DATA SUPPLIED>
|---|

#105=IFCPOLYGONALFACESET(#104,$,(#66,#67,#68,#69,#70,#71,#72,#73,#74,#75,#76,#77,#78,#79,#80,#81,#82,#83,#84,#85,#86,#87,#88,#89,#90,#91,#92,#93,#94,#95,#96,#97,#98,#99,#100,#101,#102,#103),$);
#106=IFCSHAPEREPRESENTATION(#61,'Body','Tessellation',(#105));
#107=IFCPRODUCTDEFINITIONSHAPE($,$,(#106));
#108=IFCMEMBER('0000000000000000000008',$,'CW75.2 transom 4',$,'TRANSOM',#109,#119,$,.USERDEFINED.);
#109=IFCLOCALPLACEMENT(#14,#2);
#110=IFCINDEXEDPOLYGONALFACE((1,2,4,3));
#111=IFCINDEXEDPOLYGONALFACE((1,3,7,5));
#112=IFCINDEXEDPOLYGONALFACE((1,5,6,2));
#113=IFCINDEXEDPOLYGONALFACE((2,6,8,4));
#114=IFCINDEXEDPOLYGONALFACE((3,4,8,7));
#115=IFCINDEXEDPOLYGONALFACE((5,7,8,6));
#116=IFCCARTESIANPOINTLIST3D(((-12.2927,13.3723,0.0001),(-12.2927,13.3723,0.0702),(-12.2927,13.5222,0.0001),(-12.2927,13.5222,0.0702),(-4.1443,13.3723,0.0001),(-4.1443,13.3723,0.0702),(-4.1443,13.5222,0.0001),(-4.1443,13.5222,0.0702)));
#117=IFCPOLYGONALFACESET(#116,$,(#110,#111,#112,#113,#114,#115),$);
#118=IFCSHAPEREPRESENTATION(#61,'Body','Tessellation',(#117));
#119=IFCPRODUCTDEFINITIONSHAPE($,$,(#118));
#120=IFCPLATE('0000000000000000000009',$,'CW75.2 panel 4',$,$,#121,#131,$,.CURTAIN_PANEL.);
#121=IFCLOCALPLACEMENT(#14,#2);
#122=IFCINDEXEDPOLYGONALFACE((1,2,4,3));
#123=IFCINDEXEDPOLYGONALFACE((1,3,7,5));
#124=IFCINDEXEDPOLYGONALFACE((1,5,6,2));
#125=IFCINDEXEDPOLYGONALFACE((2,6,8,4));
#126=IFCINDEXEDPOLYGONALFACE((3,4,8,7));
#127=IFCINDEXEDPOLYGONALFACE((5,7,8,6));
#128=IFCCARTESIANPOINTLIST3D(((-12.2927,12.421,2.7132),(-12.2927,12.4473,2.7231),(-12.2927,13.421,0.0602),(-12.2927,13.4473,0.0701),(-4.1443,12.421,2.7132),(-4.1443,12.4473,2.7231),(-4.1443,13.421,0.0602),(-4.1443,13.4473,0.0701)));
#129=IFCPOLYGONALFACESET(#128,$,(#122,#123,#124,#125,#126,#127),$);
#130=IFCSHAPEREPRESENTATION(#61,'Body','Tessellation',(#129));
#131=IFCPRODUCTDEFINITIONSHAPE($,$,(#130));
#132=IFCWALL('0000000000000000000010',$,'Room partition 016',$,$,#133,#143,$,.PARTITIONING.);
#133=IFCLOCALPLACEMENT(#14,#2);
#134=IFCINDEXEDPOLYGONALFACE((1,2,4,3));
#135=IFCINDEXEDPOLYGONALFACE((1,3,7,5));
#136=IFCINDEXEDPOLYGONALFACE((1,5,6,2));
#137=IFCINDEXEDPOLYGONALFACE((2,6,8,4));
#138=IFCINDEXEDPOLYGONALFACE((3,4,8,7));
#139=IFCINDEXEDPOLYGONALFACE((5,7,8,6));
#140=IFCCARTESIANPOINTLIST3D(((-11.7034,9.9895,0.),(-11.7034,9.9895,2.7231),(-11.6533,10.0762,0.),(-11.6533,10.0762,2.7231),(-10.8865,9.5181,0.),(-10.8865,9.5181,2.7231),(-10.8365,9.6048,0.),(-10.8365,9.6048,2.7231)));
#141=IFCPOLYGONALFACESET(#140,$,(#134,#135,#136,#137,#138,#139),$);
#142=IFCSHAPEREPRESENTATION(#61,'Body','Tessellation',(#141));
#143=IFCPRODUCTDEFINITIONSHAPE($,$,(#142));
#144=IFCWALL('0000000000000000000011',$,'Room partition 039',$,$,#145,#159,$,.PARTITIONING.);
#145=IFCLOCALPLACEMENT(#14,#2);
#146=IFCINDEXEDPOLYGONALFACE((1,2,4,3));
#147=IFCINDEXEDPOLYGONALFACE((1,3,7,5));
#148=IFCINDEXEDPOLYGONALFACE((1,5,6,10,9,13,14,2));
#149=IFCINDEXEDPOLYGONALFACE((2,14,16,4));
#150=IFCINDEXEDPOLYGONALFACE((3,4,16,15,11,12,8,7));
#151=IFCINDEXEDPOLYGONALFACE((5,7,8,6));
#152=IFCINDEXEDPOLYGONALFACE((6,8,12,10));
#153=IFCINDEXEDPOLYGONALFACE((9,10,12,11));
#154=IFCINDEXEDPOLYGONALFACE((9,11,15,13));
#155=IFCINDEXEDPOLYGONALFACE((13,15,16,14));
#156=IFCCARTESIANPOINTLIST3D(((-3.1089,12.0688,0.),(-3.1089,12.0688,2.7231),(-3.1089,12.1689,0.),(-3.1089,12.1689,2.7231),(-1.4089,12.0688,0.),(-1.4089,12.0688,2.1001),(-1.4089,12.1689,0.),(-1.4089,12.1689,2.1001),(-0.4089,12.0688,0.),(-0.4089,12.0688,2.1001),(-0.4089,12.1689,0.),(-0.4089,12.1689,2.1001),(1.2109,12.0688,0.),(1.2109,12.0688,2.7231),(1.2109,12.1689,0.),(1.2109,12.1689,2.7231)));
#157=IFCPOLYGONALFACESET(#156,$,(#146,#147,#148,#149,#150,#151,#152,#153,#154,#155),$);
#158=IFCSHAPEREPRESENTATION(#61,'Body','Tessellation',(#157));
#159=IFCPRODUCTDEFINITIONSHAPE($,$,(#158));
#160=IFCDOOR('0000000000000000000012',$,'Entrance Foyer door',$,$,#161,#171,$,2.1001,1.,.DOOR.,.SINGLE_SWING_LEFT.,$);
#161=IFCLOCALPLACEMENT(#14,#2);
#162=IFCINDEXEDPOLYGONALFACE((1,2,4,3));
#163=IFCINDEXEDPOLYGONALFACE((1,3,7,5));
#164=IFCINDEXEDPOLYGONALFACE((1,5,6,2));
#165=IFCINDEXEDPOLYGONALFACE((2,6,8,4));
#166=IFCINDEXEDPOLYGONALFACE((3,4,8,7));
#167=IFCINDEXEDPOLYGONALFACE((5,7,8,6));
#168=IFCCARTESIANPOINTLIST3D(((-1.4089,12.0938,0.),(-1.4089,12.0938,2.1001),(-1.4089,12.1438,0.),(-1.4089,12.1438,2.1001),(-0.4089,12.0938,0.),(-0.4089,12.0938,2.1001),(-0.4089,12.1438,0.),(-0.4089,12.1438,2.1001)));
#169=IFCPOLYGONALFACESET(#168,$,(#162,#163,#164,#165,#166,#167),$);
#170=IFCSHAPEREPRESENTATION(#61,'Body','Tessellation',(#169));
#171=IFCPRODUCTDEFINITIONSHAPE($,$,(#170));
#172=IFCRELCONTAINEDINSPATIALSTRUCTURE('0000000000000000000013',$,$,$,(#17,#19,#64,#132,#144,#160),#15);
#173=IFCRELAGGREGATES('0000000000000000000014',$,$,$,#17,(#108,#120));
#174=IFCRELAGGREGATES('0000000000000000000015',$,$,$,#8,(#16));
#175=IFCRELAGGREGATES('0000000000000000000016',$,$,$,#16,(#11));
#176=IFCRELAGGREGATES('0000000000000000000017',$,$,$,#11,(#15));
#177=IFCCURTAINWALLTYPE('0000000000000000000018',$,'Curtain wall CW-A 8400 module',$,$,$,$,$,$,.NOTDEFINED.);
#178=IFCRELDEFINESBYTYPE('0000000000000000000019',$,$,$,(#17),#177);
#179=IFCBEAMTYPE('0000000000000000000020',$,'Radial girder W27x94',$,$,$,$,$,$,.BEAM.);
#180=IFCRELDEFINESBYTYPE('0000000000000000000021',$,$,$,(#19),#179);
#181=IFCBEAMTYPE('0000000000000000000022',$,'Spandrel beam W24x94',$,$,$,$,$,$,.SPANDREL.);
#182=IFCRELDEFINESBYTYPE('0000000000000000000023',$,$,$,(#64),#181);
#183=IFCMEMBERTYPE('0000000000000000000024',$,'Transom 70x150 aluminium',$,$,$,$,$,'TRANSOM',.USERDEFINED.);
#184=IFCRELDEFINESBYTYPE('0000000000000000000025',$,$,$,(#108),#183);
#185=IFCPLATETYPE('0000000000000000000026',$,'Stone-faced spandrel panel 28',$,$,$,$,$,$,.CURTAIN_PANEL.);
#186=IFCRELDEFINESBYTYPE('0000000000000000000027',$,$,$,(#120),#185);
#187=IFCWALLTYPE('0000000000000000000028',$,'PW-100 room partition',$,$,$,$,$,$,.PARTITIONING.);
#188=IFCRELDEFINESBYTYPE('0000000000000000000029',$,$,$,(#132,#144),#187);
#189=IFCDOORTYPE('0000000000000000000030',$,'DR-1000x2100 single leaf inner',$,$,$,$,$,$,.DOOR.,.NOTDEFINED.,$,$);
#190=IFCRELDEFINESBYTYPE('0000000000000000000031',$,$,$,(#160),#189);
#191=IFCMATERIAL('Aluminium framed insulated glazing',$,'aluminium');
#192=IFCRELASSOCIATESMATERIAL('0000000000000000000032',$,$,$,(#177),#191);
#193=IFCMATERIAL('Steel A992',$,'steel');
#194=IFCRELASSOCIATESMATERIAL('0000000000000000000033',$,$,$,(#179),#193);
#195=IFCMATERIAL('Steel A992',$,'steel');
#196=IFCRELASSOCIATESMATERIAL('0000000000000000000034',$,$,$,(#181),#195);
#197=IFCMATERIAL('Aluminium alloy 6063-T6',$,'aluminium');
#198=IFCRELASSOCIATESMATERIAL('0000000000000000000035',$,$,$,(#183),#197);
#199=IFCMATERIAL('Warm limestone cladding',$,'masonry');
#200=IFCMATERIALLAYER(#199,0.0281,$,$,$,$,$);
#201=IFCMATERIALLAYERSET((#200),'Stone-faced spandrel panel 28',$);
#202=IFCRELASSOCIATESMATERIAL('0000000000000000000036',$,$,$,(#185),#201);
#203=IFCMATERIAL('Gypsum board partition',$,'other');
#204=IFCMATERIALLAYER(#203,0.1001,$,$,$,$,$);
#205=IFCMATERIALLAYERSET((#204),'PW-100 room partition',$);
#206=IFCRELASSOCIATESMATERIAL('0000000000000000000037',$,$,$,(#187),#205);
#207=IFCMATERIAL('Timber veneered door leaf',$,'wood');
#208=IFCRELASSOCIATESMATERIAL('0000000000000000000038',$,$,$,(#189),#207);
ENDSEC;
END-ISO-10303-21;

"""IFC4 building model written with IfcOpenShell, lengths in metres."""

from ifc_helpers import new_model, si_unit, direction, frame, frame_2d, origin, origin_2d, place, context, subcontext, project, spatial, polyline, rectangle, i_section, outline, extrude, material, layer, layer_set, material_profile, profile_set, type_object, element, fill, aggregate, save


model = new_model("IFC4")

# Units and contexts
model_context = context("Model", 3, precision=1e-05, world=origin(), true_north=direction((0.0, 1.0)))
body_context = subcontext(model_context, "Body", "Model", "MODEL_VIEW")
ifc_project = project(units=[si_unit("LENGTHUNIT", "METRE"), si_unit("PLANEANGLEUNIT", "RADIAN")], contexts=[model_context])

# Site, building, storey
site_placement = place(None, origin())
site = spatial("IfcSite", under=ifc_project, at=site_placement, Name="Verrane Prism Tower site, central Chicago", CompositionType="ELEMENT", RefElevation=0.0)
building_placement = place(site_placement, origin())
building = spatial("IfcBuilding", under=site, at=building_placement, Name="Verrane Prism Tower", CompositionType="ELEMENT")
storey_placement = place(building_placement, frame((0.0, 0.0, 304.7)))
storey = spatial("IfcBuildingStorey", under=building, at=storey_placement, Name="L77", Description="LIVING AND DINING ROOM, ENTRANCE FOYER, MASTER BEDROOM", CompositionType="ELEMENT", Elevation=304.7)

|---|

PROBLEM TO SOLVE>
Everything from the line with "#126=IFCINDEXEDPOLYGONALFACE((3,4,8,7));" through the line with "#155=IFCINDEXEDPOLYGONALFACE((13,15,16,14));" should be written out exactly as it appears above, end lines included, and nothing outside that range.

PROBLEM SOLUTION>
#126=IFCINDEXEDPOLYGONALFACE((3,4,8,7));
#127=IFCINDEXEDPOLYGONALFACE((5,7,8,6));
#128=IFCCARTESIANPOINTLIST3D(((-12.2927,12.421,2.7132),(-12.2927,12.4473,2.7231),(-12.2927,13.421,0.0602),(-12.2927,13.4473,0.0701),(-4.1443,12.421,2.7132),(-4.1443,12.4473,2.7231),(-4.1443,13.421,0.0602),(-4.1443,13.4473,0.0701)));
#129=IFCPOLYGONALFACESET(#128,$,(#122,#123,#124,#125,#126,#127),$);
#130=IFCSHAPEREPRESENTATION(#61,'Body','Tessellation',(#129));
#131=IFCPRODUCTDEFINITIONSHAPE($,$,(#130));
#132=IFCWALL('0000000000000000000010',$,'Room partition 016',$,$,#133,#143,$,.PARTITIONING.);
#133=IFCLOCALPLACEMENT(#14,#2);
#134=IFCINDEXEDPOLYGONALFACE((1,2,4,3));
#135=IFCINDEXEDPOLYGONALFACE((1,3,7,5));
#136=IFCINDEXEDPOLYGONALFACE((1,5,6,2));
#137=IFCINDEXEDPOLYGONALFACE((2,6,8,4));
#138=IFCINDEXEDPOLYGONALFACE((3,4,8,7));
#139=IFCINDEXEDPOLYGONALFACE((5,7,8,6));
#140=IFCCARTESIANPOINTLIST3D(((-11.7034,9.9895,0.),(-11.7034,9.9895,2.7231),(-11.6533,10.0762,0.),(-11.6533,10.0762,2.7231),(-10.8865,9.5181,0.),(-10.8865,9.5181,2.7231),(-10.8365,9.6048,0.),(-10.8365,9.6048,2.7231)));
#141=IFCPOLYGONALFACESET(#140,$,(#134,#135,#136,#137,#138,#139),$);
#142=IFCSHAPEREPRESENTATION(#61,'Body','Tessellation',(#141));
#143=IFCPRODUCTDEFINITIONSHAPE($,$,(#142));
#144=IFCWALL('0000000000000000000011',$,'Room partition 039',$,$,#145,#159,$,.PARTITIONING.);
#145=IFCLOCALPLACEMENT(#14,#2);
#146=IFCINDEXEDPOLYGONALFACE((1,2,4,3));
#147=IFCINDEXEDPOLYGONALFACE((1,3,7,5));
#148=IFCINDEXEDPOLYGONALFACE((1,5,6,10,9,13,14,2));
#149=IFCINDEXEDPOLYGONALFACE((2,14,16,4));
#150=IFCINDEXEDPOLYGONALFACE((3,4,16,15,11,12,8,7));
#151=IFCINDEXEDPOLYGONALFACE((5,7,8,6));
#152=IFCINDEXEDPOLYGONALFACE((6,8,12,10));
#153=IFCINDEXEDPOLYGONALFACE((9,10,12,11));
#154=IFCINDEXEDPOLYGONALFACE((9,11,15,13));
#155=IFCINDEXEDPOLYGONALFACE((13,15,16,14));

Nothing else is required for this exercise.